● **Data**:
---

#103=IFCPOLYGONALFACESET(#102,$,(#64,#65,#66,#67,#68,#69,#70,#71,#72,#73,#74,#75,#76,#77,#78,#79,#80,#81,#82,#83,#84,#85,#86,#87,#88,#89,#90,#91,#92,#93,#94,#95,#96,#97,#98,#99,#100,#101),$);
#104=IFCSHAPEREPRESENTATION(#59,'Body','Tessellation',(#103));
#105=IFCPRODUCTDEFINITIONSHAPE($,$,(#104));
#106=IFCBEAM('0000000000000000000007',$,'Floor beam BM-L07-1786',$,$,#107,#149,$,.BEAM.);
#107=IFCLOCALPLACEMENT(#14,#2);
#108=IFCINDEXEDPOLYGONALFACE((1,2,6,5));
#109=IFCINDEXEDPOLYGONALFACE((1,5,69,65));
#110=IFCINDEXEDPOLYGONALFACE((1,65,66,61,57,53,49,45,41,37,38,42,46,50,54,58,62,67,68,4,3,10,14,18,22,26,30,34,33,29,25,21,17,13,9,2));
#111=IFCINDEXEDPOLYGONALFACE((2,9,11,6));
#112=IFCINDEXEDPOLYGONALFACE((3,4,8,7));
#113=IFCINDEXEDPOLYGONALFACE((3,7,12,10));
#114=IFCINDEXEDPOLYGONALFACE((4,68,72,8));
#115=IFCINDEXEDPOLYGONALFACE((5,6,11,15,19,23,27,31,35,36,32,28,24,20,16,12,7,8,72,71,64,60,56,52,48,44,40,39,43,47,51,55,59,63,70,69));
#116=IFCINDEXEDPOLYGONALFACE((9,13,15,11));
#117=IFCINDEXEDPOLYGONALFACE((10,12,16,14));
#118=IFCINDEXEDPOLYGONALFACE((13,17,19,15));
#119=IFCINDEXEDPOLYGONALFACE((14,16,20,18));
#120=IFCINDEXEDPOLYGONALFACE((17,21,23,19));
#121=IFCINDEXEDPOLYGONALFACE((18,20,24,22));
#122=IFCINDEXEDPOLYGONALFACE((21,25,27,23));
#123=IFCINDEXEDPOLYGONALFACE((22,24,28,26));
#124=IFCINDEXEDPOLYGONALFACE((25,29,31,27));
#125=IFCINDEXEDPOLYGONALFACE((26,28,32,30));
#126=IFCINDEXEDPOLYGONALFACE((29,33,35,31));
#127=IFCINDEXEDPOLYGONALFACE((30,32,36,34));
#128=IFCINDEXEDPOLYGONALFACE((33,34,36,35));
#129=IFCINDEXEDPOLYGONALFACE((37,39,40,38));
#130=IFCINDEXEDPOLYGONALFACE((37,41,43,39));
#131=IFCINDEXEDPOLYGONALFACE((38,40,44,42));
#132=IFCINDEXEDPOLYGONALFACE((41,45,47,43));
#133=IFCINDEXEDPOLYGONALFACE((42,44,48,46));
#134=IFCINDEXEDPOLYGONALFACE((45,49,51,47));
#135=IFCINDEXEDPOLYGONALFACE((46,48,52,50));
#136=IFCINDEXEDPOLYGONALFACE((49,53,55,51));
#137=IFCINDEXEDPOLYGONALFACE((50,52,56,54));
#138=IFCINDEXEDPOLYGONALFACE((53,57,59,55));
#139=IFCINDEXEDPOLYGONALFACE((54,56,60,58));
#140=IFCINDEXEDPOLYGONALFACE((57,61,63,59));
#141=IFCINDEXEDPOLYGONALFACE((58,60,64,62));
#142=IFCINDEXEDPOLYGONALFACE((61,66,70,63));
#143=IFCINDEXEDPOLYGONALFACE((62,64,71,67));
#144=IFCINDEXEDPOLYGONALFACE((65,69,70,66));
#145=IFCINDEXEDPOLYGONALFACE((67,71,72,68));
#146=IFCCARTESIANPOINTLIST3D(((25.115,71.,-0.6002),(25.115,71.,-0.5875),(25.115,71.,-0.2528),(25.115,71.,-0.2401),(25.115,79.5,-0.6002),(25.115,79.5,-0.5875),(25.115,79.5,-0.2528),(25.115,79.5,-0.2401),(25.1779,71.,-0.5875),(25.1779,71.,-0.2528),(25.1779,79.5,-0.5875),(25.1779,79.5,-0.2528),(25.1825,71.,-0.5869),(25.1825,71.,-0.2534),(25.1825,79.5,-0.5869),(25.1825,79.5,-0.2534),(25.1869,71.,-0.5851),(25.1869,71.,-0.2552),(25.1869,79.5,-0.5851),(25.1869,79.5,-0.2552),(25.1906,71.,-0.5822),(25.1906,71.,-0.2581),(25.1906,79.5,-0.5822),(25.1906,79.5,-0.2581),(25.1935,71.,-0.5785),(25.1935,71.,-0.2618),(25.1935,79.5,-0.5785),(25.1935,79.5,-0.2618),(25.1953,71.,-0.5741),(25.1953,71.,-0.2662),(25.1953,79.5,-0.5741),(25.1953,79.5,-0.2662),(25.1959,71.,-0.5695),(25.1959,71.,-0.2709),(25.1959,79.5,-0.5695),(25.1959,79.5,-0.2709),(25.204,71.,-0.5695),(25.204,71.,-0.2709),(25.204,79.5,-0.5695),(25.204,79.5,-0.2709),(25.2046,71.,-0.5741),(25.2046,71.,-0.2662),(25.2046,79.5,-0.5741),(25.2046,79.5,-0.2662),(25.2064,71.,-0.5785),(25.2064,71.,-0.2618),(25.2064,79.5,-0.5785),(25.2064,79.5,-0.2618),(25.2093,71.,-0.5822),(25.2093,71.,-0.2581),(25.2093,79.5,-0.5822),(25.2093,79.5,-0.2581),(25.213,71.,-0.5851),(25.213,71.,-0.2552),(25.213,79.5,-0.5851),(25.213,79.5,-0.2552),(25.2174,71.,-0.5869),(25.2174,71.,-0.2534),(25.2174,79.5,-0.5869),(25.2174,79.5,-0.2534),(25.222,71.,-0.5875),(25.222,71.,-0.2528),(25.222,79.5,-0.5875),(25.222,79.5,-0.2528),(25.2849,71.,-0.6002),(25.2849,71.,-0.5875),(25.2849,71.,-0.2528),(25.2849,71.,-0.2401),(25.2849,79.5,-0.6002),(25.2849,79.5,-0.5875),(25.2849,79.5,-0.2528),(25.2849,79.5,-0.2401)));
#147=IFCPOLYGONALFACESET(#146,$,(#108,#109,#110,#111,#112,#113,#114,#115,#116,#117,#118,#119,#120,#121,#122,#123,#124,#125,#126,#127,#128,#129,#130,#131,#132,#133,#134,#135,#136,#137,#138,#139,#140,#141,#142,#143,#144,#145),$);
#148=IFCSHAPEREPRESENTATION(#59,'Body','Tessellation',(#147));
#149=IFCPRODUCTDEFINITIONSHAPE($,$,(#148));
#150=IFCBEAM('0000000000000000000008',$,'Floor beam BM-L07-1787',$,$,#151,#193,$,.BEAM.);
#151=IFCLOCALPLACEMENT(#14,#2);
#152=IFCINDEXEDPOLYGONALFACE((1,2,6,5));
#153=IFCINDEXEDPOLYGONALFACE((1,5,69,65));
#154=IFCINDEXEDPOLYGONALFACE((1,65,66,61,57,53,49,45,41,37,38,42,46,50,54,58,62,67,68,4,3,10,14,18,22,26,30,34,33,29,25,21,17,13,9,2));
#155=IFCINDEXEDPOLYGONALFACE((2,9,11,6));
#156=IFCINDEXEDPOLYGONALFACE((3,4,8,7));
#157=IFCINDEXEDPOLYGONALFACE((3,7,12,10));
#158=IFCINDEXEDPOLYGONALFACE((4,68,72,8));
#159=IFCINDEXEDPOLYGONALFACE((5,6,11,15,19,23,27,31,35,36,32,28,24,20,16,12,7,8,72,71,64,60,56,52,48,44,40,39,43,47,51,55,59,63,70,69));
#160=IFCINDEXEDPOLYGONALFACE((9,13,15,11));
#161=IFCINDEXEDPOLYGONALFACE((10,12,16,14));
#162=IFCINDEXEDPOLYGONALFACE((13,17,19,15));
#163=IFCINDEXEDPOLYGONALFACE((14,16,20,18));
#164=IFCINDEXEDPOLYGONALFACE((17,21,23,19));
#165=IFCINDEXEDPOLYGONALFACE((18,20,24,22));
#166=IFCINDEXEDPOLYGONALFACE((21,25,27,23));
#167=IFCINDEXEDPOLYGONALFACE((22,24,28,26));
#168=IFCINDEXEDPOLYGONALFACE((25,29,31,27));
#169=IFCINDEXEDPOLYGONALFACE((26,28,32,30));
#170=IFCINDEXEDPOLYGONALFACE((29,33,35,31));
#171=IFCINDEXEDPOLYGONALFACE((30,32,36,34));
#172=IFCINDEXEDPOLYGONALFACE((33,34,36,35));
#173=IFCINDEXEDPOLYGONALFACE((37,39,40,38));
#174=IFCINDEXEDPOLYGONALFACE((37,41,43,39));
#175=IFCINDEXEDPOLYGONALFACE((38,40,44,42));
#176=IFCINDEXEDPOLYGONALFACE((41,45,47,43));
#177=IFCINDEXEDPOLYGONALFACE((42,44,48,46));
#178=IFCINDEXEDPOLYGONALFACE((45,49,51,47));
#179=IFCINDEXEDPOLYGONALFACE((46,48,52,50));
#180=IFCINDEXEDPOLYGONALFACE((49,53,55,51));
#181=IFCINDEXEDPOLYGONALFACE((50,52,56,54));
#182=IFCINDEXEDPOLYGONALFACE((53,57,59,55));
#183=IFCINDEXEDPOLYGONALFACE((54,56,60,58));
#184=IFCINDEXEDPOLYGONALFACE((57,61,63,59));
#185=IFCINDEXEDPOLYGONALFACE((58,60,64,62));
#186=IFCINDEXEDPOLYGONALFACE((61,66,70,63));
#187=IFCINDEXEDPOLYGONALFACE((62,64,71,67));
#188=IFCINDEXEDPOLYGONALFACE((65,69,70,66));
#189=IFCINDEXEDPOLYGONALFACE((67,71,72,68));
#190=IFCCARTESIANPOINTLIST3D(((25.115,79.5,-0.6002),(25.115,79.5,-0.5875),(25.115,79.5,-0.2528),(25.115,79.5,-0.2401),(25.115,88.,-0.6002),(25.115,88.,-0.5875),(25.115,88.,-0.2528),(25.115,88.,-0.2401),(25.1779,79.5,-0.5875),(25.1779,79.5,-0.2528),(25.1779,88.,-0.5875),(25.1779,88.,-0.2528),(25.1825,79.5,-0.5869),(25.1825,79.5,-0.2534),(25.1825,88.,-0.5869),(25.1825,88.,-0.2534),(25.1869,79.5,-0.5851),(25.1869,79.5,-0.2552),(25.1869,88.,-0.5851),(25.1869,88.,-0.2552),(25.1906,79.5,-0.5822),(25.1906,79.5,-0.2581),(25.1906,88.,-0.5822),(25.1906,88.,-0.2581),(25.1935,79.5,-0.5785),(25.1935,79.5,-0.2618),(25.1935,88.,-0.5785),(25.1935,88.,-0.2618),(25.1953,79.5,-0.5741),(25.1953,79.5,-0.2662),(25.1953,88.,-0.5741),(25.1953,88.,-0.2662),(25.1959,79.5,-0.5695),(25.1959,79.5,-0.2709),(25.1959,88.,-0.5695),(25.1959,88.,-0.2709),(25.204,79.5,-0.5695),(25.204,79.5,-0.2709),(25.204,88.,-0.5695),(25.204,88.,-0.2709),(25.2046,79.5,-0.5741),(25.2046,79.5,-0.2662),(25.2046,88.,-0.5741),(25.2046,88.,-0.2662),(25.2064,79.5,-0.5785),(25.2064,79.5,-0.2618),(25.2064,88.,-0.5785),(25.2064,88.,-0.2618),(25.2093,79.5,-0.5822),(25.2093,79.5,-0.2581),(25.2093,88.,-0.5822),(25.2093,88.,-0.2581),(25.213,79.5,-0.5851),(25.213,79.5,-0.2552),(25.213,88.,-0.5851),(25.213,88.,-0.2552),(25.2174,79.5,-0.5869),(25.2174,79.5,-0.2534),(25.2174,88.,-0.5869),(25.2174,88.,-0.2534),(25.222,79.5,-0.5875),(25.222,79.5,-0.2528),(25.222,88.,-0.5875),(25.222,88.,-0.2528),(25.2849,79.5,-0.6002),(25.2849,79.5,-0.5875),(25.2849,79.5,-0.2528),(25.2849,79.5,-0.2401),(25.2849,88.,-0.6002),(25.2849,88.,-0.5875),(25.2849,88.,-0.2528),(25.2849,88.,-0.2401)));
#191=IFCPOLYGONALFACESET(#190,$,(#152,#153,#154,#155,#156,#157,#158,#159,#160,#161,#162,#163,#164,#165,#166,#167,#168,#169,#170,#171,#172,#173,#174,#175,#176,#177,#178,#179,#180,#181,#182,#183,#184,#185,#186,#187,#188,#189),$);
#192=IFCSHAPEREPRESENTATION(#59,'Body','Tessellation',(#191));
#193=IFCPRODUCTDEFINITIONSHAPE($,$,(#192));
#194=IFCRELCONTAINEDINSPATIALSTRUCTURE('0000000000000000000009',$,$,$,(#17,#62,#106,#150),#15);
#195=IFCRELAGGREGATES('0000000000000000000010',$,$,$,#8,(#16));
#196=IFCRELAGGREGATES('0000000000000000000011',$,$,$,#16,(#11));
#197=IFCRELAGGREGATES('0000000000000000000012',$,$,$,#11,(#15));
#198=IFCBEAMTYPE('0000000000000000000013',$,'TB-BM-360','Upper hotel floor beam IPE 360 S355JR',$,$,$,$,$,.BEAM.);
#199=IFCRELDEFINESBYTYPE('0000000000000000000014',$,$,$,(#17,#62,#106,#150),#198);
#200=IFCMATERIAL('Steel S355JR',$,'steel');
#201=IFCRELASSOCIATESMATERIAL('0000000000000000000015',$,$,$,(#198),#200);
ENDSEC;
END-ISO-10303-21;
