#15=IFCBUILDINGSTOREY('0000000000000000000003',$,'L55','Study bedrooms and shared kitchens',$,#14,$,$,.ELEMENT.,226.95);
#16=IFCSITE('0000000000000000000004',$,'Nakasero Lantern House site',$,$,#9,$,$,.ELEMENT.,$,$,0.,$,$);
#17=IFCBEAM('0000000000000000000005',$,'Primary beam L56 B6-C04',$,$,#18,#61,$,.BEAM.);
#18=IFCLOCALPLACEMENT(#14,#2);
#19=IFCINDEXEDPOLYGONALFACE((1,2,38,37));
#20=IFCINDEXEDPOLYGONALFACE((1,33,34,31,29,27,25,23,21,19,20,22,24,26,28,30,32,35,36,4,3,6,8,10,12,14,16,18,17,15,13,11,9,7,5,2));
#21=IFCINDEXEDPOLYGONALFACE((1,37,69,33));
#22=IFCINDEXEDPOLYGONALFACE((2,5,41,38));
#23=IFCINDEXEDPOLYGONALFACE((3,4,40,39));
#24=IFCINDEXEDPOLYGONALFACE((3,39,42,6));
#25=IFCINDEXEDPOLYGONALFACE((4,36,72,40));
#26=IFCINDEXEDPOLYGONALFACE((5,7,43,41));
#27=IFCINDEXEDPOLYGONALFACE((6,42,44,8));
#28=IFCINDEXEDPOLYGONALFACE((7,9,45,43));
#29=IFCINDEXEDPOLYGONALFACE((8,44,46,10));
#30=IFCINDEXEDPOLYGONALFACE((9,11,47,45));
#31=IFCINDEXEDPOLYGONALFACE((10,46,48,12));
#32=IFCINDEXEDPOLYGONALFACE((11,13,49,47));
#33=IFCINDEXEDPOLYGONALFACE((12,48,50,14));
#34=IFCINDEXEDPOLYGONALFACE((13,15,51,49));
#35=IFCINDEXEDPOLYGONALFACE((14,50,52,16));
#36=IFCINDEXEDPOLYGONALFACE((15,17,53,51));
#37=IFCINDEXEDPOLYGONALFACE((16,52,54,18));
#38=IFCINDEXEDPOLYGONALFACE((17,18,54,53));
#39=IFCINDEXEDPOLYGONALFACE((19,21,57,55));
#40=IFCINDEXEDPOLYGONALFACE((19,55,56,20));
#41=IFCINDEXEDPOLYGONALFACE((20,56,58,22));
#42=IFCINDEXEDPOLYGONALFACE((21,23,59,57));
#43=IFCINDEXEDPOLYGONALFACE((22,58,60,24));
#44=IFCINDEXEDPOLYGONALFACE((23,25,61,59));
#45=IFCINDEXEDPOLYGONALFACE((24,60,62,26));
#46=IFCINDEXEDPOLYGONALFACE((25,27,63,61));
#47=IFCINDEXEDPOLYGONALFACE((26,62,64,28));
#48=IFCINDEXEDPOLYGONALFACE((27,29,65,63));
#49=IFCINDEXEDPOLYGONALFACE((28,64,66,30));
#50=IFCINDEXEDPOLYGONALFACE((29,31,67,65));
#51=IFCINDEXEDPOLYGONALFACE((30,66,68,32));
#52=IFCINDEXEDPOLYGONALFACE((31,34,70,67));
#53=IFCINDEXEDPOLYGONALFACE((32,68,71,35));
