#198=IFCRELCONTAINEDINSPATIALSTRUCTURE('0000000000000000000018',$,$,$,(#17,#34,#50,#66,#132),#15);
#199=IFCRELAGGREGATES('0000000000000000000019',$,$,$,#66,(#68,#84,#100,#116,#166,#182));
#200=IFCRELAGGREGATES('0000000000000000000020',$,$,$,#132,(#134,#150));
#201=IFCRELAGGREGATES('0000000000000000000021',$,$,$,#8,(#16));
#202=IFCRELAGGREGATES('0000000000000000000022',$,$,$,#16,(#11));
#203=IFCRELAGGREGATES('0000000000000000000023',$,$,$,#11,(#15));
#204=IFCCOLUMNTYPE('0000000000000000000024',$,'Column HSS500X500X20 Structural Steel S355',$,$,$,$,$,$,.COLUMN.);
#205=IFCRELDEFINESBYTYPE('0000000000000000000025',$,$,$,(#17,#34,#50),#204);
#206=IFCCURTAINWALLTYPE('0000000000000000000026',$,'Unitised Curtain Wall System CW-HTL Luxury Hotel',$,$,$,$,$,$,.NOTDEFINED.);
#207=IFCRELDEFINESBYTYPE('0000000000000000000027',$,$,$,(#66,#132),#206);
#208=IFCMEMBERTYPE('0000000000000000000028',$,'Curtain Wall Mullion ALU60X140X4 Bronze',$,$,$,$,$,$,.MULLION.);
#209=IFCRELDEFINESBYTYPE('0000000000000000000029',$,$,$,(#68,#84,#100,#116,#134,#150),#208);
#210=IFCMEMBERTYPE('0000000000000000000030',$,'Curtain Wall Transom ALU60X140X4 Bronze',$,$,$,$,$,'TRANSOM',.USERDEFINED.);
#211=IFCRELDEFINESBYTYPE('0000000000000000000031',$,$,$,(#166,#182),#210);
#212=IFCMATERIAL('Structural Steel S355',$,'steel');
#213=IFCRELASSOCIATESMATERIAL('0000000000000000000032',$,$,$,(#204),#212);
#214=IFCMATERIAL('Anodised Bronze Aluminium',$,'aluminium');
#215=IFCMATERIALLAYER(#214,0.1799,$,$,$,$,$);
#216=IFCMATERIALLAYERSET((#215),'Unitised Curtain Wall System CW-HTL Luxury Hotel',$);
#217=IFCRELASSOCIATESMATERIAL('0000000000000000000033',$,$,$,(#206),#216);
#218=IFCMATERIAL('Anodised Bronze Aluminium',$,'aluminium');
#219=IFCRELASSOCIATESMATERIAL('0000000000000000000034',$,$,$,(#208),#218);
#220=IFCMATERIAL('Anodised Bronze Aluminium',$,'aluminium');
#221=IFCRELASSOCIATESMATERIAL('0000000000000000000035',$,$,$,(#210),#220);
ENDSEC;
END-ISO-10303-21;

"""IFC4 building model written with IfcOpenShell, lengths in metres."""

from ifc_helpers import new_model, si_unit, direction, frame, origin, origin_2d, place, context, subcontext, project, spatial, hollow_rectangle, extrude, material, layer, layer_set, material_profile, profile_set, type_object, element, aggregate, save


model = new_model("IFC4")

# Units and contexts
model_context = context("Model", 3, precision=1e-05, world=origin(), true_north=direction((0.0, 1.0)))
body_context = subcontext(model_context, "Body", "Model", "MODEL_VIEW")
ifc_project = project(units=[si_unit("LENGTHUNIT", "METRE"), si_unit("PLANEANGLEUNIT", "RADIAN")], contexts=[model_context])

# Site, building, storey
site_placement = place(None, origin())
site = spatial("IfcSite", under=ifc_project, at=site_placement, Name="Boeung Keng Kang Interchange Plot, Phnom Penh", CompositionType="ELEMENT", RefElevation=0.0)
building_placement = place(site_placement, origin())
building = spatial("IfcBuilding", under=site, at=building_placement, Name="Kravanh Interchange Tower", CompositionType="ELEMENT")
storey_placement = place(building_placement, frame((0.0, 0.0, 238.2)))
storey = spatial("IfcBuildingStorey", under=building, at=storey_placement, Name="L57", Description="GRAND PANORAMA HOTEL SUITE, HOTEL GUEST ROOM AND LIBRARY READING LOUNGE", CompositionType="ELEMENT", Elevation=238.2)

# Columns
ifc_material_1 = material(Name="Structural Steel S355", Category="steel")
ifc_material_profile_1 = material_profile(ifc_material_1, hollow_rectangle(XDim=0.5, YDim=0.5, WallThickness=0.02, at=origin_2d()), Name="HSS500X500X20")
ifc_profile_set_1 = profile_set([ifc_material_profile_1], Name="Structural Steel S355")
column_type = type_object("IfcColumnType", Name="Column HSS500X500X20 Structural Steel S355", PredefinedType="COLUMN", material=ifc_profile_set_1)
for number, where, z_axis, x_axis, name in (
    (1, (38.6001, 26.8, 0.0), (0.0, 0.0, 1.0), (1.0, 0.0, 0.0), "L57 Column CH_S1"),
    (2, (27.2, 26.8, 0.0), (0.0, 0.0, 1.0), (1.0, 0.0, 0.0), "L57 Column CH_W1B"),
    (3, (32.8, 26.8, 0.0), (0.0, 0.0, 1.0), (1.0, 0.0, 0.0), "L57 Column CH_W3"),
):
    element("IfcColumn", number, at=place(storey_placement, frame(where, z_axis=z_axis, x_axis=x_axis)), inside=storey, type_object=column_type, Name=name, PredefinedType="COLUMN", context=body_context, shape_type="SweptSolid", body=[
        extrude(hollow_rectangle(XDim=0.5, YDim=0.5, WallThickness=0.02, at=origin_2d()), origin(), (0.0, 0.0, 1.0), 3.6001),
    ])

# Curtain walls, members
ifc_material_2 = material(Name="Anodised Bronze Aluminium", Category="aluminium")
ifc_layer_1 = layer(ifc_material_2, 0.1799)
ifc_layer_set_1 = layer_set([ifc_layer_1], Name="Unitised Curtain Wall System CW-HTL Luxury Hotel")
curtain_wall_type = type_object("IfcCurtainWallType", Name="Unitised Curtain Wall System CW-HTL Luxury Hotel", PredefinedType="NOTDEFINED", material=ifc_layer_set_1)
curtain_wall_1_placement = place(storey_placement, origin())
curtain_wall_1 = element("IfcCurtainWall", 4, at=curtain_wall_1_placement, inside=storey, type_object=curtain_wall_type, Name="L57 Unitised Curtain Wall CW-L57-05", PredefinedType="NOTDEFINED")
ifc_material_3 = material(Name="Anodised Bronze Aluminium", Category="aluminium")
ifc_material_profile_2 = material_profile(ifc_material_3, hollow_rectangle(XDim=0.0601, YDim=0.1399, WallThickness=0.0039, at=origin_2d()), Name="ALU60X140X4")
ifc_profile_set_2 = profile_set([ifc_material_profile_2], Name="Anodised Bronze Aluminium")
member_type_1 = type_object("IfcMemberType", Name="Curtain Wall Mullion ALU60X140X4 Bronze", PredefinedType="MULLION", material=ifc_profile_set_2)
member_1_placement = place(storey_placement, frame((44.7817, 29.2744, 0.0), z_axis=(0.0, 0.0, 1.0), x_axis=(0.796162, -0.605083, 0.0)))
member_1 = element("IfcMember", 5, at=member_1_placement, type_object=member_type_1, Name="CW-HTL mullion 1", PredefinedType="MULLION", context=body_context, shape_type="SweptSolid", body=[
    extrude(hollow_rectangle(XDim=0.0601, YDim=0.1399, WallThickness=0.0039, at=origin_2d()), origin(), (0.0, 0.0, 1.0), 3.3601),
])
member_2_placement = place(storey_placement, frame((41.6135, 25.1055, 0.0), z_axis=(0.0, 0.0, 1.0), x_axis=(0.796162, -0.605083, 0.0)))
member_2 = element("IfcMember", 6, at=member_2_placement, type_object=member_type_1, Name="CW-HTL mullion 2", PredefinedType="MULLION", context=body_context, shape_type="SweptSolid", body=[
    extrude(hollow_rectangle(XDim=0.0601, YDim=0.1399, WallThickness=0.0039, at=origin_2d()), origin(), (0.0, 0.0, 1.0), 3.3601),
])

---

Look above for the line with "#220=IFCMATERIAL('Anodised Bronze Aluminium',$,'aluminium');" and the line with "building model written", and reproduce exactly those two lines plus every line between, nothing more.

#220=IFCMATERIAL('Anodised Bronze Aluminium',$,'aluminium');
#221=IFCRELASSOCIATESMATERIAL('0000000000000000000035',$,$,$,(#210),#220);
ENDSEC;
END-ISO-10303-21;

"""IFC4 building model written with IfcOpenShell, lengths in metres."""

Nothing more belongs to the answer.